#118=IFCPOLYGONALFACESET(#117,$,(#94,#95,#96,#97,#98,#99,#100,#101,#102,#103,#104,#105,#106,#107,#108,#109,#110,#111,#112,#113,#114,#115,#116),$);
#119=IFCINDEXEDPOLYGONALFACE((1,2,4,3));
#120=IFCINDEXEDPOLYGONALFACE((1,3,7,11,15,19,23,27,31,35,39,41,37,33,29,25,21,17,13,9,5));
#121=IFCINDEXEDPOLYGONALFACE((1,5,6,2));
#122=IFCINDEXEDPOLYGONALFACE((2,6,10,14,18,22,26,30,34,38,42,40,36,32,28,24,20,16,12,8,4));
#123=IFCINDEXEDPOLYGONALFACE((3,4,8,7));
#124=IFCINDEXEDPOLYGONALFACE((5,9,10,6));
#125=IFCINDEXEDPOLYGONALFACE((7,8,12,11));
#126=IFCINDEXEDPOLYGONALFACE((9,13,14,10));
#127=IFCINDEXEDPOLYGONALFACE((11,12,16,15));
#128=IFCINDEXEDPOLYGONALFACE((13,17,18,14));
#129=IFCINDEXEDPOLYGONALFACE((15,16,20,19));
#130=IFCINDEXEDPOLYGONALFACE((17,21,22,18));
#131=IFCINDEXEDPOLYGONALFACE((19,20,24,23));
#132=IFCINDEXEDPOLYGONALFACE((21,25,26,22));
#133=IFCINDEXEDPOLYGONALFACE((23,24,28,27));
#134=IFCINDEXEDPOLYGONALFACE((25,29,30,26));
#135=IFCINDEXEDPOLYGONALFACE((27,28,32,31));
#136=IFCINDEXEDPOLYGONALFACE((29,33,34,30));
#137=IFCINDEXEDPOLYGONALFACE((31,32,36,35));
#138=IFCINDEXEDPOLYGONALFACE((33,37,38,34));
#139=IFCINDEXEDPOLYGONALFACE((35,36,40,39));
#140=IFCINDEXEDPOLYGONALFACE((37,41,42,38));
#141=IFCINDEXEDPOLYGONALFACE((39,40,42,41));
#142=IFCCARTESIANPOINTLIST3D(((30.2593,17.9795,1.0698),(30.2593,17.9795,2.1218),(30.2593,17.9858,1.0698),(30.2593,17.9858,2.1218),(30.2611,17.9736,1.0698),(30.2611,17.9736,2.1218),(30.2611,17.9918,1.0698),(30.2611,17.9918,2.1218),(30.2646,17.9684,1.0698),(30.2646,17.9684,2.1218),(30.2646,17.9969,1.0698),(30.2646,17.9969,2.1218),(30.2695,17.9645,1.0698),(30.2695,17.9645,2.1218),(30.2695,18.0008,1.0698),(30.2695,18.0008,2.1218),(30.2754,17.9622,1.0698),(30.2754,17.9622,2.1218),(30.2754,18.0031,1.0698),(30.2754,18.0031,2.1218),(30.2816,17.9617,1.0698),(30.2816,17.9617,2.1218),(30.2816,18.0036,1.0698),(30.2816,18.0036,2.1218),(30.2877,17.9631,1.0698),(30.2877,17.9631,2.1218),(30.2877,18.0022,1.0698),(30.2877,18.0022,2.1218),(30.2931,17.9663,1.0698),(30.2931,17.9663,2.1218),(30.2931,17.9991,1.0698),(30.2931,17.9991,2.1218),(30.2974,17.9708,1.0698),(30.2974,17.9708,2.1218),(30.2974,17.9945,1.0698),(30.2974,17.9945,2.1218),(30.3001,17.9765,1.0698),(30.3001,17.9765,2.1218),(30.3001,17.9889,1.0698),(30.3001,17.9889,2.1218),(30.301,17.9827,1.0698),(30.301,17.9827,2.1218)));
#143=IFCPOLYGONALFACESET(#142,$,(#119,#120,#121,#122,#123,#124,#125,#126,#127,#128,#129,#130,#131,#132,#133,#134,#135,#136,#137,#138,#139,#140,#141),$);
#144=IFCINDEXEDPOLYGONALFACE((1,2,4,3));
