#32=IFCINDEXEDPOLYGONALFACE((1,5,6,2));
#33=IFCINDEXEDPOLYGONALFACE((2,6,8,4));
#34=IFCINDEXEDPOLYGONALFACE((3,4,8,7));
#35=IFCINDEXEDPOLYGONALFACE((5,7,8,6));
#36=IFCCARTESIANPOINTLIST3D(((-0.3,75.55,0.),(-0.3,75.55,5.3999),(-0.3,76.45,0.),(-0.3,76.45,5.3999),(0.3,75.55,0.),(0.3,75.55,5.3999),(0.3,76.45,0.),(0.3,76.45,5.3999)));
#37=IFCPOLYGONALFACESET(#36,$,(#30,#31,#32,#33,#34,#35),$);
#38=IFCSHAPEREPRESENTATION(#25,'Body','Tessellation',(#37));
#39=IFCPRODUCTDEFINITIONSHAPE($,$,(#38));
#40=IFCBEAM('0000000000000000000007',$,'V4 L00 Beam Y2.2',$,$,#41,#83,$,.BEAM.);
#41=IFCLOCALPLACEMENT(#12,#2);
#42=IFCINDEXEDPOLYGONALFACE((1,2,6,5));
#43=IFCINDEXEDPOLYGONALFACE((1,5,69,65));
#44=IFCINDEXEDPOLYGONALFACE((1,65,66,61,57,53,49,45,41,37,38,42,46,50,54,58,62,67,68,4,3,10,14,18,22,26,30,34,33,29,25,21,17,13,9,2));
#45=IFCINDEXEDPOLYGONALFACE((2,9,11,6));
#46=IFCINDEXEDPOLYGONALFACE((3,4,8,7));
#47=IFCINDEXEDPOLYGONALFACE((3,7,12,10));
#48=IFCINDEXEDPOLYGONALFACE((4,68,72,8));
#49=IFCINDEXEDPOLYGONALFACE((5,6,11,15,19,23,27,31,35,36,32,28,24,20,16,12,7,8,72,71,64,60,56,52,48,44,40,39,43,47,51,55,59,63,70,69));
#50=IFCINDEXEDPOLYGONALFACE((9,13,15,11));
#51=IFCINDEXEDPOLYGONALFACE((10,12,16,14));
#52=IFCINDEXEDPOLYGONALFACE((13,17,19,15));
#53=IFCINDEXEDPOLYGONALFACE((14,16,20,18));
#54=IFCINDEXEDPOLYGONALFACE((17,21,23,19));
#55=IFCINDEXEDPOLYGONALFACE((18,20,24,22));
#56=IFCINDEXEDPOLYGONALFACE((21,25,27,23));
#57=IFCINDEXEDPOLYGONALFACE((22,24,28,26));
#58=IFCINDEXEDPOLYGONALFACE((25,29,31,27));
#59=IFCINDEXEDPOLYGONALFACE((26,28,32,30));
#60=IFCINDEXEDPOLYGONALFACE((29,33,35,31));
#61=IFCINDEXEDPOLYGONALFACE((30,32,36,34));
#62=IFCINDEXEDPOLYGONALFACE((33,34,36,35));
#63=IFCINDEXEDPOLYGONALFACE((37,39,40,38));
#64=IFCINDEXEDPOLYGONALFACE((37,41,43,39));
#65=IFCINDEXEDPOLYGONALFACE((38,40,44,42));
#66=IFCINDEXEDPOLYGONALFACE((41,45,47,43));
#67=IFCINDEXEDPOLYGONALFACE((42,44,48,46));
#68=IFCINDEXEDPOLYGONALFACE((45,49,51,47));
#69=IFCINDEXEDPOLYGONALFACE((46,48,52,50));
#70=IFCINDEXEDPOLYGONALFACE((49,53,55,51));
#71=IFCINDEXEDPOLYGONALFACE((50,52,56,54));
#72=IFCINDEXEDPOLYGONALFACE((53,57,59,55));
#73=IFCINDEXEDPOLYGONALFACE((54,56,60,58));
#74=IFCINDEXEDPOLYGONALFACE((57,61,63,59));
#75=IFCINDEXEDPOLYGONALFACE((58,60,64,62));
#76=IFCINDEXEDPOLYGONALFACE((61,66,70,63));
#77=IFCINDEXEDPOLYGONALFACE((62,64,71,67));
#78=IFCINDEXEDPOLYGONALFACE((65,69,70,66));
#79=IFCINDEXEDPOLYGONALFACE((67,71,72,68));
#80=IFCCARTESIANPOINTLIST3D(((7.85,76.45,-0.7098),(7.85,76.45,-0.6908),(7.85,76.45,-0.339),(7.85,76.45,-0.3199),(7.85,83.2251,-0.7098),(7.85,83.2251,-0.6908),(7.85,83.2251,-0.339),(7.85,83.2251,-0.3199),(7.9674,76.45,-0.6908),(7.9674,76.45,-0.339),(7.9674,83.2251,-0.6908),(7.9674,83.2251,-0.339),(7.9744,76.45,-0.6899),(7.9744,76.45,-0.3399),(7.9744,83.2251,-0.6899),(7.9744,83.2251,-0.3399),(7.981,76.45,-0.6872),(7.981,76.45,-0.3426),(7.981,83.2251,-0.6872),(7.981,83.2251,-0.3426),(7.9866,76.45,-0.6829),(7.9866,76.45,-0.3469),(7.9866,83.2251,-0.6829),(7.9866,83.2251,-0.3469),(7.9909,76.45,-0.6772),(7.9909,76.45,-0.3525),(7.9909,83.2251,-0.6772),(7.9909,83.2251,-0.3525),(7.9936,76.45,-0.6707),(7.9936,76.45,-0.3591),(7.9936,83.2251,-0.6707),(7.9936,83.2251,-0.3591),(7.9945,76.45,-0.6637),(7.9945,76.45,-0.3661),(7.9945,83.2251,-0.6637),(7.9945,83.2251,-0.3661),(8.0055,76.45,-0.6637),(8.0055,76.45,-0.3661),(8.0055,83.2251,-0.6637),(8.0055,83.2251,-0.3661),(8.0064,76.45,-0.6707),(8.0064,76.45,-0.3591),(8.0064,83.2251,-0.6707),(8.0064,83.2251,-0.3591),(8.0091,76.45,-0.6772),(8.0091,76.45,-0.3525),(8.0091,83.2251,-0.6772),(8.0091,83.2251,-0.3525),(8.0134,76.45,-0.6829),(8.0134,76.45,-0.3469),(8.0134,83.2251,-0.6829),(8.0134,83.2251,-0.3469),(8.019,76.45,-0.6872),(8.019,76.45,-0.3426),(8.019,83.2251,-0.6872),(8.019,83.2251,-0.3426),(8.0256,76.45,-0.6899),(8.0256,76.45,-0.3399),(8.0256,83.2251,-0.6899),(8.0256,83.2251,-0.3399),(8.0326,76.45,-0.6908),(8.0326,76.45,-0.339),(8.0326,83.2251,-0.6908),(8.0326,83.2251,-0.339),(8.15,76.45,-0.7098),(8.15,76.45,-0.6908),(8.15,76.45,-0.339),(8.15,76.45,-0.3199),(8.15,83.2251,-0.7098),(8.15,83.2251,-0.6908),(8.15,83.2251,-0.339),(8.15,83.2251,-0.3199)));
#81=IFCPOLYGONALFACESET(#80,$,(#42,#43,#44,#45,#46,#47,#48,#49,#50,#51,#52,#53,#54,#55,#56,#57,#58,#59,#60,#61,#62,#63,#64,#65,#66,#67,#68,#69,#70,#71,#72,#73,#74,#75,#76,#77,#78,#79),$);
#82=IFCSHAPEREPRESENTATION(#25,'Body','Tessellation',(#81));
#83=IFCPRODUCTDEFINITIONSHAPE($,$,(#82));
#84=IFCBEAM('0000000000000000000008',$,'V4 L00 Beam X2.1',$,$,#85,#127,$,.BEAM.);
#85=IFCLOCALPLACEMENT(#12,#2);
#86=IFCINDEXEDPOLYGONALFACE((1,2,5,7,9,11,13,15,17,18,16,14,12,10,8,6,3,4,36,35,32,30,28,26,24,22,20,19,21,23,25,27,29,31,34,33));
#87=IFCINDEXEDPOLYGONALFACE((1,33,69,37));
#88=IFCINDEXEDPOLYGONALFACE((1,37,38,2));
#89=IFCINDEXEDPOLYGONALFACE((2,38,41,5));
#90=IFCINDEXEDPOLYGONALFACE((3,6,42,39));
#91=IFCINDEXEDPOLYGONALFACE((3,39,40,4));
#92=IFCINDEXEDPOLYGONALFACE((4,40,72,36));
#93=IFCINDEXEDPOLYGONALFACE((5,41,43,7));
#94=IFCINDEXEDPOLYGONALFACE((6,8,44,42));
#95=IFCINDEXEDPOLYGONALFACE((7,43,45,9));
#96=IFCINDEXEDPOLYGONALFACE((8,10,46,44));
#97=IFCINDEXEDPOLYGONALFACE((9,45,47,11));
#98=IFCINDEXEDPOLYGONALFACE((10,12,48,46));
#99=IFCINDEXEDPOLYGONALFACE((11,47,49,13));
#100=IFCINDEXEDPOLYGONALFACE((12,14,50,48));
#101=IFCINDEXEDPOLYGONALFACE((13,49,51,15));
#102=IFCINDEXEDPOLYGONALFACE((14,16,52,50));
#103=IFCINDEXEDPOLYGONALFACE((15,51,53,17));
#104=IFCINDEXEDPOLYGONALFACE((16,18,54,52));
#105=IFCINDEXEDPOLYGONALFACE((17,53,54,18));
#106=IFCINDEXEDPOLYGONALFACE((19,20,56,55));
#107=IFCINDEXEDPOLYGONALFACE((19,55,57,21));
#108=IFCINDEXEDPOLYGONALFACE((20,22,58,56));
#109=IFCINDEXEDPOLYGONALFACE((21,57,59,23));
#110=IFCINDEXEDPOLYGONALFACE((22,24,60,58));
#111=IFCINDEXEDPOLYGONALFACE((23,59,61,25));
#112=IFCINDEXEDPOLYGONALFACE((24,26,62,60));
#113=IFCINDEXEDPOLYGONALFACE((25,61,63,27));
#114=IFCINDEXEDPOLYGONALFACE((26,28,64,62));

_ _ _ _

= THE PROBLEM =
For the listing above, how many lines contain the word "Body"? Respond with nothing but the number.

= SOLUTION BELOW =
2